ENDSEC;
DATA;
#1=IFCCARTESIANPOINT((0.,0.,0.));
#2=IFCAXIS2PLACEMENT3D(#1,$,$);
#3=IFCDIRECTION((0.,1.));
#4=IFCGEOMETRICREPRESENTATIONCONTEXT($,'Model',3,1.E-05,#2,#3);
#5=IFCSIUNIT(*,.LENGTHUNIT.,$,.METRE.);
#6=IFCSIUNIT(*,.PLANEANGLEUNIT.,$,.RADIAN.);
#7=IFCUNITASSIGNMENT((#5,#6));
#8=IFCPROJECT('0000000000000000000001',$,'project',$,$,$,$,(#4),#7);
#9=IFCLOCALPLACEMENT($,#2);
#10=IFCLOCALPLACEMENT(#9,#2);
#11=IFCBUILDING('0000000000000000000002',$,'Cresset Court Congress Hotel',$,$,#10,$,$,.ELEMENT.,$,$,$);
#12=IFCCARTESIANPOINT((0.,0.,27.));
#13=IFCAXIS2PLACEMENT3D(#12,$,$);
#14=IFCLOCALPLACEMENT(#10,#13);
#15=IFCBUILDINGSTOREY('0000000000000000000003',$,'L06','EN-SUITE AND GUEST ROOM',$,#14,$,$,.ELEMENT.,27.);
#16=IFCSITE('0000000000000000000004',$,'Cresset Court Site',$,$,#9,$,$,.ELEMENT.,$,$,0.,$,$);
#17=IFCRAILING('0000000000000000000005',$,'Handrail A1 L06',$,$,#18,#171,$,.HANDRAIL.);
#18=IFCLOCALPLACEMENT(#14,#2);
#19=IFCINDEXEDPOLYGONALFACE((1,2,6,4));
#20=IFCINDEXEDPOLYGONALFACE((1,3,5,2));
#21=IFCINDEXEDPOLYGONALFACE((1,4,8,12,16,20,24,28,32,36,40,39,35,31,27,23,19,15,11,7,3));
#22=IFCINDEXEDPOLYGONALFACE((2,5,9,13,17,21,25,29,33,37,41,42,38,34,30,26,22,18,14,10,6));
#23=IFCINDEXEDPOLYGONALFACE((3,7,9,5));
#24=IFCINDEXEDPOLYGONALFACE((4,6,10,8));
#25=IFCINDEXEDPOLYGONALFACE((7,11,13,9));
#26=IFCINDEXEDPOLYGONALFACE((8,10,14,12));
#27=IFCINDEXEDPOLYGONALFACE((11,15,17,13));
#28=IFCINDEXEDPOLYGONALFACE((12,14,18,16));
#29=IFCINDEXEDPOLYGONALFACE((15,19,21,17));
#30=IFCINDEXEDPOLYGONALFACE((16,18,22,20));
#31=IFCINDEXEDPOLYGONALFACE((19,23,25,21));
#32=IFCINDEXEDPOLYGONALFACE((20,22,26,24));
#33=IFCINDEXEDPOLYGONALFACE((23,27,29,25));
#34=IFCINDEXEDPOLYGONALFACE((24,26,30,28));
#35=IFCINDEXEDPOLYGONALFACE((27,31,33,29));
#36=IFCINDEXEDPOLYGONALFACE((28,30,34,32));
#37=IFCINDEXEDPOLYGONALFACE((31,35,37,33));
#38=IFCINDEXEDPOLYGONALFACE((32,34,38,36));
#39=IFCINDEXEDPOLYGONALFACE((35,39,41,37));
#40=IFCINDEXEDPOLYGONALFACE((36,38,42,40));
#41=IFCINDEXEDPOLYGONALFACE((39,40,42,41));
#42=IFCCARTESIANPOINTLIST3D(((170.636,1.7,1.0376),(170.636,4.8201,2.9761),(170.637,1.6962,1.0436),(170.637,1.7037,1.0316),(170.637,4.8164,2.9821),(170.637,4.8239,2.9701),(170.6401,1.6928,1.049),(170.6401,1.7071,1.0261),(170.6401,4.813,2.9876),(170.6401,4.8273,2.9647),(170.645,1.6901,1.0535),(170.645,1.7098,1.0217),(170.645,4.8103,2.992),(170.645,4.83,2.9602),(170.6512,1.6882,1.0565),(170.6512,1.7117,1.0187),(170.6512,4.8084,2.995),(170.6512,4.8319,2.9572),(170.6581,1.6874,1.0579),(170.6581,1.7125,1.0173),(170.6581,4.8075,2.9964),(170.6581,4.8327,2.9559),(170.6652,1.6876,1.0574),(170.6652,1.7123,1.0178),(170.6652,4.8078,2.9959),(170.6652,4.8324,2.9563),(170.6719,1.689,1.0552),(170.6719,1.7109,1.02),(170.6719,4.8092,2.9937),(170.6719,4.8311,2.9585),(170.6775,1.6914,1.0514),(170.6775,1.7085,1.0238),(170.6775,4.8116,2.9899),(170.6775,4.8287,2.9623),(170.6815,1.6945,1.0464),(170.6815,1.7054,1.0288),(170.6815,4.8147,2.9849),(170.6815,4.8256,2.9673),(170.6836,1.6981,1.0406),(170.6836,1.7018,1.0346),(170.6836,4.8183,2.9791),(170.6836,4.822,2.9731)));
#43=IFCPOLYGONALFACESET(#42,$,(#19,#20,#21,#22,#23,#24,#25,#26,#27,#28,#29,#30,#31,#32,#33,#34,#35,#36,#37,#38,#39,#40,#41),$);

***

_What the task asks_
Please set down the entire listing once more, exactly as it stands.

_Result_
ENDSEC;
DATA;
#1=IFCCARTESIANPOINT((0.,0.,0.));
#2=IFCAXIS2PLACEMENT3D(#1,$,$);
#3=IFCDIRECTION((0.,1.));
#4=IFCGEOMETRICREPRESENTATIONCONTEXT($,'Model',3,1.E-05,#2,#3);
#5=IFCSIUNIT(*,.LENGTHUNIT.,$,.METRE.);
#6=IFCSIUNIT(*,.PLANEANGLEUNIT.,$,.RADIAN.);
#7=IFCUNITASSIGNMENT((#5,#6));
#8=IFCPROJECT('0000000000000000000001',$,'project',$,$,$,$,(#4),#7);
#9=IFCLOCALPLACEMENT($,#2);
#10=IFCLOCALPLACEMENT(#9,#2);
#11=IFCBUILDING('0000000000000000000002',$,'Cresset Court Congress Hotel',$,$,#10,$,$,.ELEMENT.,$,$,$);
#12=IFCCARTESIANPOINT((0.,0.,27.));
#13=IFCAXIS2PLACEMENT3D(#12,$,$);
#14=IFCLOCALPLACEMENT(#10,#13);
#15=IFCBUILDINGSTOREY('0000000000000000000003',$,'L06','EN-SUITE AND GUEST ROOM',$,#14,$,$,.ELEMENT.,27.);
#16=IFCSITE('0000000000000000000004',$,'Cresset Court Site',$,$,#9,$,$,.ELEMENT.,$,$,0.,$,$);
#17=IFCRAILING('0000000000000000000005',$,'Handrail A1 L06',$,$,#18,#171,$,.HANDRAIL.);
#18=IFCLOCALPLACEMENT(#14,#2);
#19=IFCINDEXEDPOLYGONALFACE((1,2,6,4));
#20=IFCINDEXEDPOLYGONALFACE((1,3,5,2));
#21=IFCINDEXEDPOLYGONALFACE((1,4,8,12,16,20,24,28,32,36,40,39,35,31,27,23,19,15,11,7,3));
#22=IFCINDEXEDPOLYGONALFACE((2,5,9,13,17,21,25,29,33,37,41,42,38,34,30,26,22,18,14,10,6));
#23=IFCINDEXEDPOLYGONALFACE((3,7,9,5));
#24=IFCINDEXEDPOLYGONALFACE((4,6,10,8));
#25=IFCINDEXEDPOLYGONALFACE((7,11,13,9));
#26=IFCINDEXEDPOLYGONALFACE((8,10,14,12));
#27=IFCINDEXEDPOLYGONALFACE((11,15,17,13));
#28=IFCINDEXEDPOLYGONALFACE((12,14,18,16));
#29=IFCINDEXEDPOLYGONALFACE((15,19,21,17));
#30=IFCINDEXEDPOLYGONALFACE((16,18,22,20));
#31=IFCINDEXEDPOLYGONALFACE((19,23,25,21));
#32=IFCINDEXEDPOLYGONALFACE((20,22,26,24));
#33=IFCINDEXEDPOLYGONALFACE((23,27,29,25));
#34=IFCINDEXEDPOLYGONALFACE((24,26,30,28));
#35=IFCINDEXEDPOLYGONALFACE((27,31,33,29));
#36=IFCINDEXEDPOLYGONALFACE((28,30,34,32));
#37=IFCINDEXEDPOLYGONALFACE((31,35,37,33));
#38=IFCINDEXEDPOLYGONALFACE((32,34,38,36));
#39=IFCINDEXEDPOLYGONALFACE((35,39,41,37));
#40=IFCINDEXEDPOLYGONALFACE((36,38,42,40));
#41=IFCINDEXEDPOLYGONALFACE((39,40,42,41));
#42=IFCCARTESIANPOINTLIST3D(((170.636,1.7,1.0376),(170.636,4.8201,2.9761),(170.637,1.6962,1.0436),(170.637,1.7037,1.0316),(170.637,4.8164,2.9821),(170.637,4.8239,2.9701),(170.6401,1.6928,1.049),(170.6401,1.7071,1.0261),(170.6401,4.813,2.9876),(170.6401,4.8273,2.9647),(170.645,1.6901,1.0535),(170.645,1.7098,1.0217),(170.645,4.8103,2.992),(170.645,4.83,2.9602),(170.6512,1.6882,1.0565),(170.6512,1.7117,1.0187),(170.6512,4.8084,2.995),(170.6512,4.8319,2.9572),(170.6581,1.6874,1.0579),(170.6581,1.7125,1.0173),(170.6581,4.8075,2.9964),(170.6581,4.8327,2.9559),(170.6652,1.6876,1.0574),(170.6652,1.7123,1.0178),(170.6652,4.8078,2.9959),(170.6652,4.8324,2.9563),(170.6719,1.689,1.0552),(170.6719,1.7109,1.02),(170.6719,4.8092,2.9937),(170.6719,4.8311,2.9585),(170.6775,1.6914,1.0514),(170.6775,1.7085,1.0238),(170.6775,4.8116,2.9899),(170.6775,4.8287,2.9623),(170.6815,1.6945,1.0464),(170.6815,1.7054,1.0288),(170.6815,4.8147,2.9849),(170.6815,4.8256,2.9673),(170.6836,1.6981,1.0406),(170.6836,1.7018,1.0346),(170.6836,4.8183,2.9791),(170.6836,4.822,2.9731)));
#43=IFCPOLYGONALFACESET(#42,$,(#19,#20,#21,#22,#23,#24,#25,#26,#27,#28,#29,#30,#31,#32,#33,#34,#35,#36,#37,#38,#39,#40,#41),$);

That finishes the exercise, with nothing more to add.